[Stored data]
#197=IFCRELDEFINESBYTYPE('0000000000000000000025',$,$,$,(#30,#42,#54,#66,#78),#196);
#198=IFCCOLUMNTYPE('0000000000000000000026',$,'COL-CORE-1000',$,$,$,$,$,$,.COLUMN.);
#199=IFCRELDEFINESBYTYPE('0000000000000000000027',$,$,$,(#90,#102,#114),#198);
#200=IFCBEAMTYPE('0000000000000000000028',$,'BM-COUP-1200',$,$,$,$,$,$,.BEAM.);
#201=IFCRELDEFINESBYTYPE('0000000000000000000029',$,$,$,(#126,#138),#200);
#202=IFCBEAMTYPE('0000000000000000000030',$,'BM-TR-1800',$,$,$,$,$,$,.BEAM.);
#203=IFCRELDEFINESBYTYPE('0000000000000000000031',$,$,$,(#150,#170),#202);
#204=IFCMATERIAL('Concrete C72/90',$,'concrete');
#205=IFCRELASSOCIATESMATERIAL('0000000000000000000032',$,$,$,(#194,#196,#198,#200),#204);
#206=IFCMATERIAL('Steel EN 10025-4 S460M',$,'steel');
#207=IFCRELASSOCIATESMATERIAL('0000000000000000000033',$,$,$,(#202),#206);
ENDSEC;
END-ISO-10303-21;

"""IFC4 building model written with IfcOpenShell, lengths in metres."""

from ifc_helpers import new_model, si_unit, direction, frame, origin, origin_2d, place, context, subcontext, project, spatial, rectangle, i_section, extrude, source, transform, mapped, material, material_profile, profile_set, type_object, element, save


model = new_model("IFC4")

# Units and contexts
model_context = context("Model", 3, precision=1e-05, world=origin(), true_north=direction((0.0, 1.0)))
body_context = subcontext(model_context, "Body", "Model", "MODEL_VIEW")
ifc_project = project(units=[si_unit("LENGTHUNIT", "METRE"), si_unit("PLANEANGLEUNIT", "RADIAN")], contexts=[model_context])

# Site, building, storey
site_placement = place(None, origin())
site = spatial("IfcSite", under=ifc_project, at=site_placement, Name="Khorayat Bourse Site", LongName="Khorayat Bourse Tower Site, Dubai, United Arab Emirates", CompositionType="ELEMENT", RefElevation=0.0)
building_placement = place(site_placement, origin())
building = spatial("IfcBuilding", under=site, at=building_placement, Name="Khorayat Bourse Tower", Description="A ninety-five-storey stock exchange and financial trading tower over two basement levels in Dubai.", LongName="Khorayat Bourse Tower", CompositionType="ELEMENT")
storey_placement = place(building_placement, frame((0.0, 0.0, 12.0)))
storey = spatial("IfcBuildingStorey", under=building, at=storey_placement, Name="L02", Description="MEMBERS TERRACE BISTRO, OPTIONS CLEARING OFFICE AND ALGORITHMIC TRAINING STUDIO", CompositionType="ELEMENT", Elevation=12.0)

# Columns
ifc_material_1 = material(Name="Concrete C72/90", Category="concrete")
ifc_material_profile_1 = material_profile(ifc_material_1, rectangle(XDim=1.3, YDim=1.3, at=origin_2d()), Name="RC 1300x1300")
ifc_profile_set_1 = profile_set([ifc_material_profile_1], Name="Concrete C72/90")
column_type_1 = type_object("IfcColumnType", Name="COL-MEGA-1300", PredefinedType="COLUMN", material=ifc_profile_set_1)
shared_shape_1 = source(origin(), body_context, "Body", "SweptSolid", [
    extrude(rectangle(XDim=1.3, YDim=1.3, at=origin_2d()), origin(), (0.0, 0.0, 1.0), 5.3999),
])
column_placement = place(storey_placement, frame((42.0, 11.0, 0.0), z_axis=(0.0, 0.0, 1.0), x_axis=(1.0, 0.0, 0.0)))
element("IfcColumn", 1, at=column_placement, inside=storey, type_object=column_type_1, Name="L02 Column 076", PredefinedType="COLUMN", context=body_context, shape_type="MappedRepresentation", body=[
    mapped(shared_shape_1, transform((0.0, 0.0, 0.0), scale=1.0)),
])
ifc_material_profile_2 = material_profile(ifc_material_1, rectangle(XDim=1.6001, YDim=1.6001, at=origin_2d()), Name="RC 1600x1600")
...
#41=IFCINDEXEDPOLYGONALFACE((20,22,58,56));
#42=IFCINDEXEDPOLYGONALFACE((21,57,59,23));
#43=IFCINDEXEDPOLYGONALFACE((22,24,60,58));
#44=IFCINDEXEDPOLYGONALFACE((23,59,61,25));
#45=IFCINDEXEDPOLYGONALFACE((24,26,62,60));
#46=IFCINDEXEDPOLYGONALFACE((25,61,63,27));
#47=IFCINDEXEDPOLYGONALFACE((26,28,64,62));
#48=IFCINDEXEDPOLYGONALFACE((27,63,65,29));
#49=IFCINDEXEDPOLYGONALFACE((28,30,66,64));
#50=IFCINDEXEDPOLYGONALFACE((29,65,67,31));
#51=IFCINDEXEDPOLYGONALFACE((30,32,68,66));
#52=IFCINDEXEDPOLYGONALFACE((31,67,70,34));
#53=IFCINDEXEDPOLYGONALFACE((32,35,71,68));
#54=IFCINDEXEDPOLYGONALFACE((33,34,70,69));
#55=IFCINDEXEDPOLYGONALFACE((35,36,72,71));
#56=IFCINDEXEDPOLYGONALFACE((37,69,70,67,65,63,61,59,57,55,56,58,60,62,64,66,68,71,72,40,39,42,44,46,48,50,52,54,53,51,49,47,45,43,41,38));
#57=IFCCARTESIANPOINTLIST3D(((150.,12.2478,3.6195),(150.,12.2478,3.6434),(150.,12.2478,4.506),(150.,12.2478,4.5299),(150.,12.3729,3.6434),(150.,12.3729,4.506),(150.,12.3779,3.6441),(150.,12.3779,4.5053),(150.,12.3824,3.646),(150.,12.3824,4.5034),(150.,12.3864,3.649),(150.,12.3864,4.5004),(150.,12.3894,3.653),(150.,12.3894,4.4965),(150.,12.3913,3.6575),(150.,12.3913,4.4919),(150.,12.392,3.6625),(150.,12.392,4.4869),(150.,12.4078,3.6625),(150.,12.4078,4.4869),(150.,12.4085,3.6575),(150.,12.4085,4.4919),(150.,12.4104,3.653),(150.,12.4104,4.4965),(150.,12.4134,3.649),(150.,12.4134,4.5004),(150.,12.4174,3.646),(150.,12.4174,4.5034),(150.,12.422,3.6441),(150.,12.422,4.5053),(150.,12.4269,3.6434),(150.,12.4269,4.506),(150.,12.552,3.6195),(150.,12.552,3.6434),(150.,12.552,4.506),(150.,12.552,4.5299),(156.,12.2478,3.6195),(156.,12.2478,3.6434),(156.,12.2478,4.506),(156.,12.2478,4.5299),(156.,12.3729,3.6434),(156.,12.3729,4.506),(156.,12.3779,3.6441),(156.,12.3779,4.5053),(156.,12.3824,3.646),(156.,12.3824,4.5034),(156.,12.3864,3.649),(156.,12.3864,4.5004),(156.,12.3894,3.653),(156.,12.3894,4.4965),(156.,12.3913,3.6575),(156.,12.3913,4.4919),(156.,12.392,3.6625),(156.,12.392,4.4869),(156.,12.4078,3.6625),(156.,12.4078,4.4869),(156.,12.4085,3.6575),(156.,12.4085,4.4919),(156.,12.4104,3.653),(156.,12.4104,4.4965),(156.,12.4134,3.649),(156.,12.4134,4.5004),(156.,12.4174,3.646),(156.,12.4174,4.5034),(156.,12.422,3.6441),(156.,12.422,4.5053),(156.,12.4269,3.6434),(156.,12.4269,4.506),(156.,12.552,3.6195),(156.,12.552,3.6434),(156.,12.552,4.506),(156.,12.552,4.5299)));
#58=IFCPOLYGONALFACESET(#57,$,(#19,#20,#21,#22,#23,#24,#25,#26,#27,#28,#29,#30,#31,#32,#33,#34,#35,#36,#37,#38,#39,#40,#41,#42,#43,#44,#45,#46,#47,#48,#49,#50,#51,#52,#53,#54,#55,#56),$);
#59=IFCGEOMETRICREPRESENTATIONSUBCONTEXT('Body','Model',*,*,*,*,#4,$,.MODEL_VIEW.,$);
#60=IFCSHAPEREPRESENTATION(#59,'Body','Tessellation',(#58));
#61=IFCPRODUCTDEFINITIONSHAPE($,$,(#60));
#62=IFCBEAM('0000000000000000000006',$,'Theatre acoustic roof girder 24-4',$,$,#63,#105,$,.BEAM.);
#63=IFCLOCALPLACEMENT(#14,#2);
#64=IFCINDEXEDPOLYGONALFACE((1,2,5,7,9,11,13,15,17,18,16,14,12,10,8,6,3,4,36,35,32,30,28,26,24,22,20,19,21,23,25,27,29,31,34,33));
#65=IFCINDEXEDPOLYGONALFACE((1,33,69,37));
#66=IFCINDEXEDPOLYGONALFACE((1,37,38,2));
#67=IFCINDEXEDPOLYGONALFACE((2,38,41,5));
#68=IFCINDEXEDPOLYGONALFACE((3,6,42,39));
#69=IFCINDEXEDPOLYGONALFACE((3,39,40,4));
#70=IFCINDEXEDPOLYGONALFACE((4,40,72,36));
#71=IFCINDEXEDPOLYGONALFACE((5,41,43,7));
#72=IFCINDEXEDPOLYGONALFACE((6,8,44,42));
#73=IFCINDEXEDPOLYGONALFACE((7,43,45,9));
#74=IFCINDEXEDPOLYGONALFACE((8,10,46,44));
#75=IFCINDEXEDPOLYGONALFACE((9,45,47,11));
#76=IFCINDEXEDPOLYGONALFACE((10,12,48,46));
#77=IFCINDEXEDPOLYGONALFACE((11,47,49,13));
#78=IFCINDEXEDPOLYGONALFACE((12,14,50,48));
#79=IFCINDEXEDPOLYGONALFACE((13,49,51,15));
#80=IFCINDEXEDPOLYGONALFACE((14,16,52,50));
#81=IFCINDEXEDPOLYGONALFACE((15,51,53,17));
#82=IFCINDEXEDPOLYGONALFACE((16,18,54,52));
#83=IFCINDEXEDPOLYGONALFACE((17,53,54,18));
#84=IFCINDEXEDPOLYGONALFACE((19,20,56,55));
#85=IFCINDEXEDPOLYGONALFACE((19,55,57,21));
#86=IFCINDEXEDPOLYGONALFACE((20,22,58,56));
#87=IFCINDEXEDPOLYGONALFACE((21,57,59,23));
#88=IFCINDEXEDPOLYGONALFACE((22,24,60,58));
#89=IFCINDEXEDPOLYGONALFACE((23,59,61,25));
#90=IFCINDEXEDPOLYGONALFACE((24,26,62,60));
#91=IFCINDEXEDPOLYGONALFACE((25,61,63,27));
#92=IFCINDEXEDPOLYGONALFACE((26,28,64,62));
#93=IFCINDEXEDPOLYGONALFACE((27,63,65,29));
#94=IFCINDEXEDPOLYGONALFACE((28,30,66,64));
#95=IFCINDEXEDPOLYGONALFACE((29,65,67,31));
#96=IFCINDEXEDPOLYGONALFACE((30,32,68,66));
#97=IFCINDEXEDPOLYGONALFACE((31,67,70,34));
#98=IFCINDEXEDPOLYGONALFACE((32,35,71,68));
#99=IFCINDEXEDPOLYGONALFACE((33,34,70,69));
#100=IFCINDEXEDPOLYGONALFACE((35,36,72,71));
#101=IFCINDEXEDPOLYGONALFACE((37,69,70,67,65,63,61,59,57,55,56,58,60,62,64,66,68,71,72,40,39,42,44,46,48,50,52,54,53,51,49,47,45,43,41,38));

## Your goal
Compute how many lines of the records above hold the string "Concrete". Give the number with no other output.

## Solution to the problem
3